Work to complete: Scan the entries below for the word "IFCLOCALPLACEMENT" and copy every line where it turns up.

════════════════

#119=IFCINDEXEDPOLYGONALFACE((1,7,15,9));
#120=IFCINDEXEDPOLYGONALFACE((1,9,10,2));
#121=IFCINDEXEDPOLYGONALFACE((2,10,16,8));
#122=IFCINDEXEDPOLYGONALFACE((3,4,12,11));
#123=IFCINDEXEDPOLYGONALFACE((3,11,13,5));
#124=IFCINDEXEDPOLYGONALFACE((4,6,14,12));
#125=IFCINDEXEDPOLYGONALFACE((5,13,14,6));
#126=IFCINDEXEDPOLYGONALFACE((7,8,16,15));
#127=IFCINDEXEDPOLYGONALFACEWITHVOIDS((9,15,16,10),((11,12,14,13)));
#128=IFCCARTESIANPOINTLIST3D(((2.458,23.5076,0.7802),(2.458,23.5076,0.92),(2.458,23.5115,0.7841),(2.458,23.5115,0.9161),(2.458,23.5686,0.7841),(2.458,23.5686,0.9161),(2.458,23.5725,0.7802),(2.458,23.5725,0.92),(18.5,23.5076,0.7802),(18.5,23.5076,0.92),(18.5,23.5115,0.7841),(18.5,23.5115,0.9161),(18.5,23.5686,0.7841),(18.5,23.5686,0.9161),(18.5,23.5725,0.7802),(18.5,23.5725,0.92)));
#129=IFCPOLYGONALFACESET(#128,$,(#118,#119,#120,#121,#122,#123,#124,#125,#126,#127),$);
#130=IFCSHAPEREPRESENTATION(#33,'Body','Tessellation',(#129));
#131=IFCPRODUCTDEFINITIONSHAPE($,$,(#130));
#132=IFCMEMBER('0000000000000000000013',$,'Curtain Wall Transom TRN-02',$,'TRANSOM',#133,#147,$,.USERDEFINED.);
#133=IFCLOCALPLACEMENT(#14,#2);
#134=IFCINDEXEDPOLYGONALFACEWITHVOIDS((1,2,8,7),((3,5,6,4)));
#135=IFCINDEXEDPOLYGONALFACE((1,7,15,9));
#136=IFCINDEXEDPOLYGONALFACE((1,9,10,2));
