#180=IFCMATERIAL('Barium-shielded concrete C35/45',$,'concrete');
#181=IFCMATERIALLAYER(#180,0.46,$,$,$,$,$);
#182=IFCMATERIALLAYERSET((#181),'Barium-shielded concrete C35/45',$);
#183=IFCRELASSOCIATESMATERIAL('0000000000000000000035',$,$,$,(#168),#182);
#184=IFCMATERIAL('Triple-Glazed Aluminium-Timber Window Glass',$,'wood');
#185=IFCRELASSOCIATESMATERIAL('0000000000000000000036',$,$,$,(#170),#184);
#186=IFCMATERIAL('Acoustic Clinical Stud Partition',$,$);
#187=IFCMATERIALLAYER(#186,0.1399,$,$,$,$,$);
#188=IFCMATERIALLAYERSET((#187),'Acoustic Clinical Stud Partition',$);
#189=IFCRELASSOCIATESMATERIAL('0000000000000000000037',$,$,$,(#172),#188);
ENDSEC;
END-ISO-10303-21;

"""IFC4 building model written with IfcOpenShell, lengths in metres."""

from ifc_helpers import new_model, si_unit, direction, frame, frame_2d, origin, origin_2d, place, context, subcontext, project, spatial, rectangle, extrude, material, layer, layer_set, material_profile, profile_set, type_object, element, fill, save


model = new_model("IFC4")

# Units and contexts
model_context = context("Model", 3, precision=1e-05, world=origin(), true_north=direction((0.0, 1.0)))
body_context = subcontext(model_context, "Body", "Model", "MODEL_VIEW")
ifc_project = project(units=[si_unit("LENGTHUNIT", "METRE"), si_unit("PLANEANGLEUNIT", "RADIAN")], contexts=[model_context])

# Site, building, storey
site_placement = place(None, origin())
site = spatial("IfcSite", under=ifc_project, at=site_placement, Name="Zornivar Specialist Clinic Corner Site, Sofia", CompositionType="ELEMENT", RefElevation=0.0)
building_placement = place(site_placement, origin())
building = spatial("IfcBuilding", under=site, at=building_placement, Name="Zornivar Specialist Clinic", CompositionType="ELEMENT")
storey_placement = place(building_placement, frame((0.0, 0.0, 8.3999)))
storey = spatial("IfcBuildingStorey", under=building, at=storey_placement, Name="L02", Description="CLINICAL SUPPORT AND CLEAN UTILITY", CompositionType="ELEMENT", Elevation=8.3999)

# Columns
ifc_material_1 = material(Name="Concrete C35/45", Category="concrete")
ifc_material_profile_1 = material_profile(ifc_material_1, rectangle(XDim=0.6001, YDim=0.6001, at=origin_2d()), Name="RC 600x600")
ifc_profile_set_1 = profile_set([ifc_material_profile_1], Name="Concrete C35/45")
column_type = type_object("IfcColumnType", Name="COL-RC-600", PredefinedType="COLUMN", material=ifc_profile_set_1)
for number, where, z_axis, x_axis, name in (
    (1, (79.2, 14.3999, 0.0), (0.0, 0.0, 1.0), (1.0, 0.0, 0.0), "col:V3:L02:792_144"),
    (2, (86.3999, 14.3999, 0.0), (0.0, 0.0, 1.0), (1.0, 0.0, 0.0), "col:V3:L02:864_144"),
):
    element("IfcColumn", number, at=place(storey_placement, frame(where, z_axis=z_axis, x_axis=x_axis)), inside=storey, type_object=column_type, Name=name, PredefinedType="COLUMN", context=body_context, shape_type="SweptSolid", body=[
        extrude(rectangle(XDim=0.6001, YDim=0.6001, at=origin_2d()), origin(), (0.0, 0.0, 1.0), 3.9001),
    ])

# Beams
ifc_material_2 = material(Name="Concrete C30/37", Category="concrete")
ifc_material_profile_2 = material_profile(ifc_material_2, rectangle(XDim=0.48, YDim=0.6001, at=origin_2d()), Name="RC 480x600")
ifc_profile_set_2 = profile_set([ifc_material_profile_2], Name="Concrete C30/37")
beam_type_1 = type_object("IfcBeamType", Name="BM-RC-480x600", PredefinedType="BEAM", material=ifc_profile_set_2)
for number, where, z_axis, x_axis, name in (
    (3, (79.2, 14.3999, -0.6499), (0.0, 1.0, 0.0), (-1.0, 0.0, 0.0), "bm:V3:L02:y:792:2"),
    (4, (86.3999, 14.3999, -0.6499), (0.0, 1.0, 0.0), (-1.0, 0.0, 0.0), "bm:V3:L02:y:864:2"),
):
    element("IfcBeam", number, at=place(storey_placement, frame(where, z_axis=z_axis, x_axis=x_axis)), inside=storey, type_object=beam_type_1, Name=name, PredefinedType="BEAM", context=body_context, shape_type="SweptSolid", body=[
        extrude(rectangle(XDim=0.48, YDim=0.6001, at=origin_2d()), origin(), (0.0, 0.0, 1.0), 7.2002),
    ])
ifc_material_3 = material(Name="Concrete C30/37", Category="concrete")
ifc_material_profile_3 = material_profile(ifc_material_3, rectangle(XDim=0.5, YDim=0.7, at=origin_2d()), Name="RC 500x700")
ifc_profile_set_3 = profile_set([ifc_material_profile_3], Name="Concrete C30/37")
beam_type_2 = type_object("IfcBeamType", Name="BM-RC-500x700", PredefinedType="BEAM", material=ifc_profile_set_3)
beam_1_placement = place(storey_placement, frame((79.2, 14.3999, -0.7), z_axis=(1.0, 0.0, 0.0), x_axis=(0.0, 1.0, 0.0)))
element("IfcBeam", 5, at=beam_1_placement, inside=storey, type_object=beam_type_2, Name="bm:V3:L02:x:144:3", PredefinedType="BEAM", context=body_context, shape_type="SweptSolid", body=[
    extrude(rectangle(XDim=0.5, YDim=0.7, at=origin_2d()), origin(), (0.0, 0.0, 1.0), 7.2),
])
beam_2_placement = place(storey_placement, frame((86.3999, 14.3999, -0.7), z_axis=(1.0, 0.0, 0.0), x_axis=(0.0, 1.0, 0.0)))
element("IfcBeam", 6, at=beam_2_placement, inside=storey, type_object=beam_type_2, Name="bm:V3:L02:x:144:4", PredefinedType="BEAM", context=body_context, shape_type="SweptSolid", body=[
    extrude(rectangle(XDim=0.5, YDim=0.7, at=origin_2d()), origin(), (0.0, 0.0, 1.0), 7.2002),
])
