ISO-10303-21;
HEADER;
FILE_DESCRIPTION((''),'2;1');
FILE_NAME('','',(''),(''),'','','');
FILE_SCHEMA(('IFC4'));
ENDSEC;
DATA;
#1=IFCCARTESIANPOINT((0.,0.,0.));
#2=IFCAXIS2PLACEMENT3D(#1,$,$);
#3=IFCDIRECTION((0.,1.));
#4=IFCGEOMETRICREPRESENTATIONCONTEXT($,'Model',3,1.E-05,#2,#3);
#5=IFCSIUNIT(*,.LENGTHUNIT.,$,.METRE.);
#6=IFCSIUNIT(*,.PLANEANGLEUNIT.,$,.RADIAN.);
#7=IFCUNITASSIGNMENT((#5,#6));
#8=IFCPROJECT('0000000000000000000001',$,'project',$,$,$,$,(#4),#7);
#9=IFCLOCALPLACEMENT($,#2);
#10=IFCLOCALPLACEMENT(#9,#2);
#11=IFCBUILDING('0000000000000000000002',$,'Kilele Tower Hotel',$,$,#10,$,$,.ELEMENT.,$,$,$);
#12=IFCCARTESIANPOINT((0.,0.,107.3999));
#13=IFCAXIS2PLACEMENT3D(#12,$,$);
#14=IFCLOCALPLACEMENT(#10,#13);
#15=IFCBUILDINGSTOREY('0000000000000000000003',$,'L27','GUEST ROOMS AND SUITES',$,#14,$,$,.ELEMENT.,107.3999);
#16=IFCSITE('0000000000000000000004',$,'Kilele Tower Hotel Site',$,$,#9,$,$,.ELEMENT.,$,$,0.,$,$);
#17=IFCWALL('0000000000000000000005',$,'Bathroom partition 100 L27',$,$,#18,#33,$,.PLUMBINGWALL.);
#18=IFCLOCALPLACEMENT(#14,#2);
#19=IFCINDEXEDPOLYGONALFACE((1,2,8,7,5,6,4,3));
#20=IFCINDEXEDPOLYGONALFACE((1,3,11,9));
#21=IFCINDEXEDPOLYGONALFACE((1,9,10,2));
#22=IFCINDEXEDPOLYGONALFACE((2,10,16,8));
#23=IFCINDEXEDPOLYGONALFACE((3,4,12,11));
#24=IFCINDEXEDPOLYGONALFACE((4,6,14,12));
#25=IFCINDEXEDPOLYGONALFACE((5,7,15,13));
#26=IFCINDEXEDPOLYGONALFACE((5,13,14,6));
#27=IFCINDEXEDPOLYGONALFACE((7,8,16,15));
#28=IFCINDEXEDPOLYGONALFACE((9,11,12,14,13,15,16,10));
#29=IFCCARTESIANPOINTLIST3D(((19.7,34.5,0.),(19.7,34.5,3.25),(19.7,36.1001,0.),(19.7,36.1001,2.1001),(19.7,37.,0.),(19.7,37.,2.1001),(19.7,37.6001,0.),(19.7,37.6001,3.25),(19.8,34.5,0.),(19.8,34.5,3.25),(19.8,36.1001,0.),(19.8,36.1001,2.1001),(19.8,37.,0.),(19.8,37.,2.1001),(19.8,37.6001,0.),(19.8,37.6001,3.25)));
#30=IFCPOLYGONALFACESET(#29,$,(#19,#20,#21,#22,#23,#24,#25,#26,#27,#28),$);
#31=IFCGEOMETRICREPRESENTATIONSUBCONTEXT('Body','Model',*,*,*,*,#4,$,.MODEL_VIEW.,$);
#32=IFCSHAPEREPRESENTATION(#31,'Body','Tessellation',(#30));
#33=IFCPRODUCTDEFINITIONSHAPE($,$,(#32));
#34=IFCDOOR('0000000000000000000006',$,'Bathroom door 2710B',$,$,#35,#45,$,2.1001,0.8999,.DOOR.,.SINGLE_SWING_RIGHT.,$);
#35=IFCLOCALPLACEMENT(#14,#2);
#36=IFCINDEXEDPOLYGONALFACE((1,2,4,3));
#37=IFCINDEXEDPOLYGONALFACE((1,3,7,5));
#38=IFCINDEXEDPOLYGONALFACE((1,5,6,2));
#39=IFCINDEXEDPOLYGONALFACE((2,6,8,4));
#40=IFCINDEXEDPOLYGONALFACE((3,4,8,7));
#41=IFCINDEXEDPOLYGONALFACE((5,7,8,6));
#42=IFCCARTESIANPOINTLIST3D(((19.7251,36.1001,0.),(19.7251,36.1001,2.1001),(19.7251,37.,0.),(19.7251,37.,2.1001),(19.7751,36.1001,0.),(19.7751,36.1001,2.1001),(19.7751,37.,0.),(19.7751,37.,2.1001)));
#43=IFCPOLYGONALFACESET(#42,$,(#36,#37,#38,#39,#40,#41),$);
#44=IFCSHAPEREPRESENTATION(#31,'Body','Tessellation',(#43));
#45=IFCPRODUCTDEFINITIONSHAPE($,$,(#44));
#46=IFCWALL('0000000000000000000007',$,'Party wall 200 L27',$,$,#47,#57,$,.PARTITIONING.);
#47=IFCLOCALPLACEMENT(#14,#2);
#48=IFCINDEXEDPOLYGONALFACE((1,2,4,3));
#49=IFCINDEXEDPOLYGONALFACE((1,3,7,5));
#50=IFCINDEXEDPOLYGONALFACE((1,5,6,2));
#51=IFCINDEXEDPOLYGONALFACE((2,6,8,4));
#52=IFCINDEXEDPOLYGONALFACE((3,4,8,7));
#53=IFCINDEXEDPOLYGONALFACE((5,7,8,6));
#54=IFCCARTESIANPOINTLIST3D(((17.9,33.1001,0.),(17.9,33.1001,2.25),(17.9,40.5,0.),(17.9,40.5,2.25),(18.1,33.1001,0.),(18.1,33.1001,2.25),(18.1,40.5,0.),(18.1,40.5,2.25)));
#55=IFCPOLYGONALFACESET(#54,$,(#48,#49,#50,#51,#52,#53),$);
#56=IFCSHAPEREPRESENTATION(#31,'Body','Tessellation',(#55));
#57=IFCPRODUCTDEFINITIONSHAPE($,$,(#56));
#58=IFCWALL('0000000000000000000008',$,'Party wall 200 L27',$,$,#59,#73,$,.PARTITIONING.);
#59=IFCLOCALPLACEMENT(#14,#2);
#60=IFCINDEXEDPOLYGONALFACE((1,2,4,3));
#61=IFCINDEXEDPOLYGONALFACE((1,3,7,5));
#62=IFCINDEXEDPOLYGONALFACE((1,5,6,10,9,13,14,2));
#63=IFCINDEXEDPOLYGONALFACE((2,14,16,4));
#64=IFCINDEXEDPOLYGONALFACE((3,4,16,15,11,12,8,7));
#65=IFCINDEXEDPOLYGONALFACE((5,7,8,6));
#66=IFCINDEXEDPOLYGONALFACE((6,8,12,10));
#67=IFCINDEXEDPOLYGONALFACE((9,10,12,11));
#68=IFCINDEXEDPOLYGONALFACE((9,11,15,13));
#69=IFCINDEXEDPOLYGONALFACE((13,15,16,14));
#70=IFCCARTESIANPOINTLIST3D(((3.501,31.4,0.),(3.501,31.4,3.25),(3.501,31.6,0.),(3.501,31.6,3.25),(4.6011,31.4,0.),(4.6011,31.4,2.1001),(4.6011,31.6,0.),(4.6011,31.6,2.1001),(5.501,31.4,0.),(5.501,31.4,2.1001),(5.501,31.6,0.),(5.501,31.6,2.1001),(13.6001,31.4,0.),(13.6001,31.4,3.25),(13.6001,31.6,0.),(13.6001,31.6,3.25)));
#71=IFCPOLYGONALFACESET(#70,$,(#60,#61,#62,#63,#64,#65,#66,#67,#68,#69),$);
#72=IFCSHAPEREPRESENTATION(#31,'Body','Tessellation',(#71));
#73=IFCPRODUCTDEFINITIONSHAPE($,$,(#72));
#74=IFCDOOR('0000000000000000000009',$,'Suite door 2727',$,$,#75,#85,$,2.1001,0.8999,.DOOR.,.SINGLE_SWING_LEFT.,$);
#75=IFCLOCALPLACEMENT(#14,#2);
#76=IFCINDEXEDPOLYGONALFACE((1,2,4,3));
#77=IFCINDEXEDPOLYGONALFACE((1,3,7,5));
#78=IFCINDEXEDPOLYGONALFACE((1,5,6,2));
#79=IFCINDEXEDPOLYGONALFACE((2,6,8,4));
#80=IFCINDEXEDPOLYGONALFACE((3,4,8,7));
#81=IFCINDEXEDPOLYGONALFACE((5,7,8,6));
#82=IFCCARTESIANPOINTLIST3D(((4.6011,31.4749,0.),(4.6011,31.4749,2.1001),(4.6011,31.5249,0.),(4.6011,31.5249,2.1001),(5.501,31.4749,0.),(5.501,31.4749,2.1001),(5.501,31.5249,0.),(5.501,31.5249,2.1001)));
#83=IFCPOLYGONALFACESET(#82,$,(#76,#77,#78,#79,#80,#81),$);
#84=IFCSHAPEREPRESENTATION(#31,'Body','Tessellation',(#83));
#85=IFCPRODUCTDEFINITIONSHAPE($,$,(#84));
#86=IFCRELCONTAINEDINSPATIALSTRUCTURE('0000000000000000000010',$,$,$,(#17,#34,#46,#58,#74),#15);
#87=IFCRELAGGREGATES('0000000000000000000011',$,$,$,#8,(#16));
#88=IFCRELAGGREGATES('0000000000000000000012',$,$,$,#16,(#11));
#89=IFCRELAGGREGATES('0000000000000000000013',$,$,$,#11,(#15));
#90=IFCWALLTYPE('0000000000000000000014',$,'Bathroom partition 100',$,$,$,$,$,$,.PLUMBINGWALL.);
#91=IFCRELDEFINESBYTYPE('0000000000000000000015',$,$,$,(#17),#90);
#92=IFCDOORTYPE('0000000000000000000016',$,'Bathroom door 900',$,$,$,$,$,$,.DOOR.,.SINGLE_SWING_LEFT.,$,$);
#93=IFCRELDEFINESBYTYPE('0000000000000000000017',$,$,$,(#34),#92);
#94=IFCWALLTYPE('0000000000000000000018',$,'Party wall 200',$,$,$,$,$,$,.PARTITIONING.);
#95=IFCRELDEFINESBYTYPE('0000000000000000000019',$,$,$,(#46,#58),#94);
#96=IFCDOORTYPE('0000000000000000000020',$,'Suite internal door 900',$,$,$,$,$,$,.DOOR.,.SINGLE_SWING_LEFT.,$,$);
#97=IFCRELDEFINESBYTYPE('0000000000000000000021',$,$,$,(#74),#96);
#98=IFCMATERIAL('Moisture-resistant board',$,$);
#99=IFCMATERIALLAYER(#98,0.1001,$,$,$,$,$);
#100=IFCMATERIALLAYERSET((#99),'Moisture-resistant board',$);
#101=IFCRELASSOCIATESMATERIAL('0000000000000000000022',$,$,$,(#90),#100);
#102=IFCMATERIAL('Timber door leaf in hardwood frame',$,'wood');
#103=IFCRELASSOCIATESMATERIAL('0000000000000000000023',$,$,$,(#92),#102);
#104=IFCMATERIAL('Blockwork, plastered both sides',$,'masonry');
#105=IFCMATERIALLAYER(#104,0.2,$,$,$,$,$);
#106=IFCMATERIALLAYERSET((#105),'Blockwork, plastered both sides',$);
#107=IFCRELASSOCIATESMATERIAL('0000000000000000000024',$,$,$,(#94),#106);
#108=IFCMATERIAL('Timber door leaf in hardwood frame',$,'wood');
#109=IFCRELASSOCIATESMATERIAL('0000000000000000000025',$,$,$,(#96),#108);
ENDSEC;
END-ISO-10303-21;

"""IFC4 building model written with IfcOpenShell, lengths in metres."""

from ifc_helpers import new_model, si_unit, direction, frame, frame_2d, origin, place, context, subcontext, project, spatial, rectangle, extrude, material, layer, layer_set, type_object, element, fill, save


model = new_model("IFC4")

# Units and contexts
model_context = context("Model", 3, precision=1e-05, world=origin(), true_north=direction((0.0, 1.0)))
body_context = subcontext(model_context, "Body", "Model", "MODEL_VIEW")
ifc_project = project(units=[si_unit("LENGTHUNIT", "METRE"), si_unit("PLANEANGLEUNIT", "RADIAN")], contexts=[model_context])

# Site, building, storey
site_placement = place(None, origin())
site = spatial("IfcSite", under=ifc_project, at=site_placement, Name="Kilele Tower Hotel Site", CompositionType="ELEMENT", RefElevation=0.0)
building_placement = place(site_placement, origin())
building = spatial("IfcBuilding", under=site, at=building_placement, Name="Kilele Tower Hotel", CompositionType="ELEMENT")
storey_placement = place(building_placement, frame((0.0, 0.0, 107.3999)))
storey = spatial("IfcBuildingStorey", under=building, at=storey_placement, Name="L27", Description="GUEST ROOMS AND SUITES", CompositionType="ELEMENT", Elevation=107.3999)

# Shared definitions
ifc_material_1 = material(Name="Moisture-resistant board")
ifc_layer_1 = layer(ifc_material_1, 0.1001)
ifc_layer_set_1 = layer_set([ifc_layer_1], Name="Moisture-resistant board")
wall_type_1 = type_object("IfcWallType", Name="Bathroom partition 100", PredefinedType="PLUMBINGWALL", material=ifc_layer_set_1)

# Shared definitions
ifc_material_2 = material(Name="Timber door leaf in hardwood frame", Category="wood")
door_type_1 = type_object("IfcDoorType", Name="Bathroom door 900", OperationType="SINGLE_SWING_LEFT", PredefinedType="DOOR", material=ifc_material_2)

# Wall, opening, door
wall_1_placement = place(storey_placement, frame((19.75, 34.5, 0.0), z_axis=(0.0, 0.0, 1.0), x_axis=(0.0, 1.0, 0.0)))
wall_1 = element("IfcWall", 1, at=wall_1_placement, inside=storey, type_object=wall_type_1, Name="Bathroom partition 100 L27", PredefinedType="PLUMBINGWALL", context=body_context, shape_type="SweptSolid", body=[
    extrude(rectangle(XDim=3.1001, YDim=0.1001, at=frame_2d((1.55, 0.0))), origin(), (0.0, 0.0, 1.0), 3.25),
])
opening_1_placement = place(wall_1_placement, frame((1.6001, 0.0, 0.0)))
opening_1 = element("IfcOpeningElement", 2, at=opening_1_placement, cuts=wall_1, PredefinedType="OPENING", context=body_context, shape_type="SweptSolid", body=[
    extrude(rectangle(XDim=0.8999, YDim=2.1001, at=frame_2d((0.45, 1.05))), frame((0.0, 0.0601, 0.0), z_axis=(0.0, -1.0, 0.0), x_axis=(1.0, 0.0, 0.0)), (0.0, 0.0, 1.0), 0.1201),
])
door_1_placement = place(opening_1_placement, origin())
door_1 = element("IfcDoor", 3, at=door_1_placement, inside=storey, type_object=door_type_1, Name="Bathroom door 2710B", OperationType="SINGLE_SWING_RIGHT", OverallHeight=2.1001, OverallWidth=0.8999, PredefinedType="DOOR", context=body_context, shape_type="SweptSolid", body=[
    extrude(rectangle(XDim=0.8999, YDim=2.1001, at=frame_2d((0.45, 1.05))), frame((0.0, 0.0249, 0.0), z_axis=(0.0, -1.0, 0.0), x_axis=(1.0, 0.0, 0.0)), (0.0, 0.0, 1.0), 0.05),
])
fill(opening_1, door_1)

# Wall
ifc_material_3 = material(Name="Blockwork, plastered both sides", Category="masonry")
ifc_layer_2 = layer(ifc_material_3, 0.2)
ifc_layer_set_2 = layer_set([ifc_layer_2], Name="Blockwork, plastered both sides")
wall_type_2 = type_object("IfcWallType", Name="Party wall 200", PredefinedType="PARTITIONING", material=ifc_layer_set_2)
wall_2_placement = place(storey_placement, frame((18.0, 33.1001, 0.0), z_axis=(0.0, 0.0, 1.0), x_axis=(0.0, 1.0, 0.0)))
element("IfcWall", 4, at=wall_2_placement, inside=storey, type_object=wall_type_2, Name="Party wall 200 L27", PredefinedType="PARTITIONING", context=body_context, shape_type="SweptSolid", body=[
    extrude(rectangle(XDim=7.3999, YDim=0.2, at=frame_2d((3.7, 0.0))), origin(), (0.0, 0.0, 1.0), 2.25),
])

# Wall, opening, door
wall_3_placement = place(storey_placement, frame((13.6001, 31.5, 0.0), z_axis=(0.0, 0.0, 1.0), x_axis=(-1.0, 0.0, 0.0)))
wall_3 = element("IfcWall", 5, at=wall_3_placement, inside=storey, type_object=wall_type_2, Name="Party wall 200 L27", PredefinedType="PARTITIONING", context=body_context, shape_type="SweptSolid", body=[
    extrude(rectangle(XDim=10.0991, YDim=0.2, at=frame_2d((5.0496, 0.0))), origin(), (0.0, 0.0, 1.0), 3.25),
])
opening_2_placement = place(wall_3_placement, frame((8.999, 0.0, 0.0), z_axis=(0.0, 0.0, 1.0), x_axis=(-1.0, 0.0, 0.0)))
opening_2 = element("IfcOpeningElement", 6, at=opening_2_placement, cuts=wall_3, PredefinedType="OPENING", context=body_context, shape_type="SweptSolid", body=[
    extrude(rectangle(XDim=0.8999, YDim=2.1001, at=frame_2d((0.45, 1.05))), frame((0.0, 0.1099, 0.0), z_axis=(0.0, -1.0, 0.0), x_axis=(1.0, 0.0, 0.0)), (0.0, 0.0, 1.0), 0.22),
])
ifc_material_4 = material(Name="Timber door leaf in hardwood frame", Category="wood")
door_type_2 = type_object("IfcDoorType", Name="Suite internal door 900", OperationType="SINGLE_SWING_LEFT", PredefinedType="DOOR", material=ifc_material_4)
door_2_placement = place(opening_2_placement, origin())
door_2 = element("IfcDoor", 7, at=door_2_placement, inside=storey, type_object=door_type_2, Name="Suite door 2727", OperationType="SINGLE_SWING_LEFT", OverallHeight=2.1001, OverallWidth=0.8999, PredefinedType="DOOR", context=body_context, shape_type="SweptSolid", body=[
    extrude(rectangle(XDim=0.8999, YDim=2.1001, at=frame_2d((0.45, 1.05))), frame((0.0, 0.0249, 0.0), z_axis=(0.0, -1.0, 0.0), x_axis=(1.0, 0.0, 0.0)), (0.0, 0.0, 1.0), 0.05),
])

════════════════

Reply:
#133=IFCLOCALPLACEMENT(#14,#2);
#9=IFCLOCALPLACEMENT($,#2);
#10=IFCLOCALPLACEMENT(#9,#2);
#14=IFCLOCALPLACEMENT(#10,#13);
#18=IFCLOCALPLACEMENT(#14,#2);
#35=IFCLOCALPLACEMENT(#14,#2);
#47=IFCLOCALPLACEMENT(#14,#2);
#59=IFCLOCALPLACEMENT(#14,#2);
#75=IFCLOCALPLACEMENT(#14,#2);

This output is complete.